▶ _PROBLEM TO SOLVE_: Go line by line through the entries and show those that hold the string "IFCRELDEFINESBYTYPE".

+++

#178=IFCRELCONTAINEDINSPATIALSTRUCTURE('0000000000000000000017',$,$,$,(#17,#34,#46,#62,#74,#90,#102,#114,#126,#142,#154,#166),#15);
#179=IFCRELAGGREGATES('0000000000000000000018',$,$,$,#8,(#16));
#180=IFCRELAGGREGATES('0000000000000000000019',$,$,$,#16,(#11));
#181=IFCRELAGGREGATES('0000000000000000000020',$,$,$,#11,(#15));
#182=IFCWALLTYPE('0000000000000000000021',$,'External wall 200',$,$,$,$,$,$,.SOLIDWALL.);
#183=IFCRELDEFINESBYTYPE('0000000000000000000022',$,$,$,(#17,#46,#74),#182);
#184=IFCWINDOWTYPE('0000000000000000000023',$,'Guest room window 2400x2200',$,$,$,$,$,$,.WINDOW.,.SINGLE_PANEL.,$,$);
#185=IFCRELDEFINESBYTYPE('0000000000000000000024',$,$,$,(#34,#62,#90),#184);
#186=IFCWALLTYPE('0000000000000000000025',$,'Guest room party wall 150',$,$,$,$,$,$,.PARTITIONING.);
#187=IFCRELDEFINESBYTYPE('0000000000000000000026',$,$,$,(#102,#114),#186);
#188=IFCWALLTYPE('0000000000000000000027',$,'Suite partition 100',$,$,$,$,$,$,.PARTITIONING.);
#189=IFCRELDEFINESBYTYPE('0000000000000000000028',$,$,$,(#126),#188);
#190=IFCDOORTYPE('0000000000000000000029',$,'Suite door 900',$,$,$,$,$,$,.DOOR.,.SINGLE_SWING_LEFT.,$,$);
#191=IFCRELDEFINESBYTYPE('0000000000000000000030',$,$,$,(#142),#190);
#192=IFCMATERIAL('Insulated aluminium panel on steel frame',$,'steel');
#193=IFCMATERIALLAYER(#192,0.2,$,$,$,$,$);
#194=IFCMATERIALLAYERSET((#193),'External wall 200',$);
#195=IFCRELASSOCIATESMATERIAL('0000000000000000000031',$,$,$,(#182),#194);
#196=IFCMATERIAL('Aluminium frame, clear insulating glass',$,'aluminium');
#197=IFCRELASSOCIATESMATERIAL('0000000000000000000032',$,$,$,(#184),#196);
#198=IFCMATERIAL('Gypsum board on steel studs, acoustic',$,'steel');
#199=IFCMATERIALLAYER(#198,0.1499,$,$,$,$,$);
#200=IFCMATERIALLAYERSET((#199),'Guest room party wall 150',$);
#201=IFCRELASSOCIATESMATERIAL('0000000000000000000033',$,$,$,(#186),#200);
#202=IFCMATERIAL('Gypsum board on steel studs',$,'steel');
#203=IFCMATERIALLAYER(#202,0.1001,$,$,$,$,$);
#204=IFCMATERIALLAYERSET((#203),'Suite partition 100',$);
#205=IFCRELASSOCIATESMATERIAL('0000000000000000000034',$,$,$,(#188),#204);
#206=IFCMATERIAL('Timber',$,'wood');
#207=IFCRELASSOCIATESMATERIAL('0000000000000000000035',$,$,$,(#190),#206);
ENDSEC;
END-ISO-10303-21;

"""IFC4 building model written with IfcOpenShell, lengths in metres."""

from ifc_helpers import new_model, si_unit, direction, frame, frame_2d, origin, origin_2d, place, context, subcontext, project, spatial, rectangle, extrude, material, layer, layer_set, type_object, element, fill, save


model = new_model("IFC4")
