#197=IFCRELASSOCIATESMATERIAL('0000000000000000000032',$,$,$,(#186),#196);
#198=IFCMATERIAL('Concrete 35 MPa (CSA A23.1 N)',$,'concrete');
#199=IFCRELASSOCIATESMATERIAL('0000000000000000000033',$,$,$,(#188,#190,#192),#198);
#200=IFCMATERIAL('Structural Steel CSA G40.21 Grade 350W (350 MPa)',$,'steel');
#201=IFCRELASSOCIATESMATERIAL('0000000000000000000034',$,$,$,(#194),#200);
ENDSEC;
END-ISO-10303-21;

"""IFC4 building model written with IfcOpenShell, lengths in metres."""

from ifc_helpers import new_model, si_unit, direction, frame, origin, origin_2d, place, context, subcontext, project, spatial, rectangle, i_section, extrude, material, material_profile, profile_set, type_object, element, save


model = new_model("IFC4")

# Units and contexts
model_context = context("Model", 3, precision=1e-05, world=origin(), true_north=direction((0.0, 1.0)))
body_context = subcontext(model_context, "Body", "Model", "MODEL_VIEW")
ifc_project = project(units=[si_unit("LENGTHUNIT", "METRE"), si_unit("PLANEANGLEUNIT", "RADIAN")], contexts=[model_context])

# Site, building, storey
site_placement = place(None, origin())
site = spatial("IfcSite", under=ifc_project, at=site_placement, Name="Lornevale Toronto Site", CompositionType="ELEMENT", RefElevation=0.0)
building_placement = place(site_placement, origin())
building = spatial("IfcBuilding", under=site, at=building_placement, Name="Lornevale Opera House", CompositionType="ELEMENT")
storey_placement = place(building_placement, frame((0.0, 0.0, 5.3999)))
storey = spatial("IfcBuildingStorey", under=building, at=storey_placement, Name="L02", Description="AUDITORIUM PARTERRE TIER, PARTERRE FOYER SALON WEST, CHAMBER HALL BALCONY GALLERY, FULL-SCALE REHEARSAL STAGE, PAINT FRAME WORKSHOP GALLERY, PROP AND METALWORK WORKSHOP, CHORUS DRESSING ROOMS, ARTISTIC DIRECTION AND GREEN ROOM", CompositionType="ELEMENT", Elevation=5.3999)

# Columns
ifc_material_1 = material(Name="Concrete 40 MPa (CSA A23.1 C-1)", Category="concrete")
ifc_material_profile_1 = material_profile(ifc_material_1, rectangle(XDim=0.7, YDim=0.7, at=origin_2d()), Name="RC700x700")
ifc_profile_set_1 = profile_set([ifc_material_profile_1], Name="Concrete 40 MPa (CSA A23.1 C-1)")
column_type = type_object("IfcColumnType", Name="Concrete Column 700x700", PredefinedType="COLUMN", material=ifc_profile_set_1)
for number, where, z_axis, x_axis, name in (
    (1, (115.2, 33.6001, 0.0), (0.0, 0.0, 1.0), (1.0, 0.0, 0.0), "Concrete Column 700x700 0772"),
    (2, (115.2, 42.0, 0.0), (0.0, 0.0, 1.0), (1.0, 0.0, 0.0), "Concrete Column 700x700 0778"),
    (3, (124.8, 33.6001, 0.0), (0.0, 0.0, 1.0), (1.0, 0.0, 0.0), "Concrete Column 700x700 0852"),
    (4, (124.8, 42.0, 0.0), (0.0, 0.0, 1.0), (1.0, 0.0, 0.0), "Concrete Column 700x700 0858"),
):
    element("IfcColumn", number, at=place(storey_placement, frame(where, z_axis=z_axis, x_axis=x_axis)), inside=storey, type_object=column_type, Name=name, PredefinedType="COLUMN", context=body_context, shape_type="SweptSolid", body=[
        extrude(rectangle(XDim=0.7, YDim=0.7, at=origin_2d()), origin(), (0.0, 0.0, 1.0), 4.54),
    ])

+++

▶ _YOUR RESPONSE_:
#183=IFCRELDEFINESBYTYPE('0000000000000000000022',$,$,$,(#17,#46,#74),#182);
#185=IFCRELDEFINESBYTYPE('0000000000000000000024',$,$,$,(#34,#62,#90),#184);
#187=IFCRELDEFINESBYTYPE('0000000000000000000026',$,$,$,(#102,#114),#186);
#189=IFCRELDEFINESBYTYPE('0000000000000000000028',$,$,$,(#126),#188);
#191=IFCRELDEFINESBYTYPE('0000000000000000000030',$,$,$,(#142),#190);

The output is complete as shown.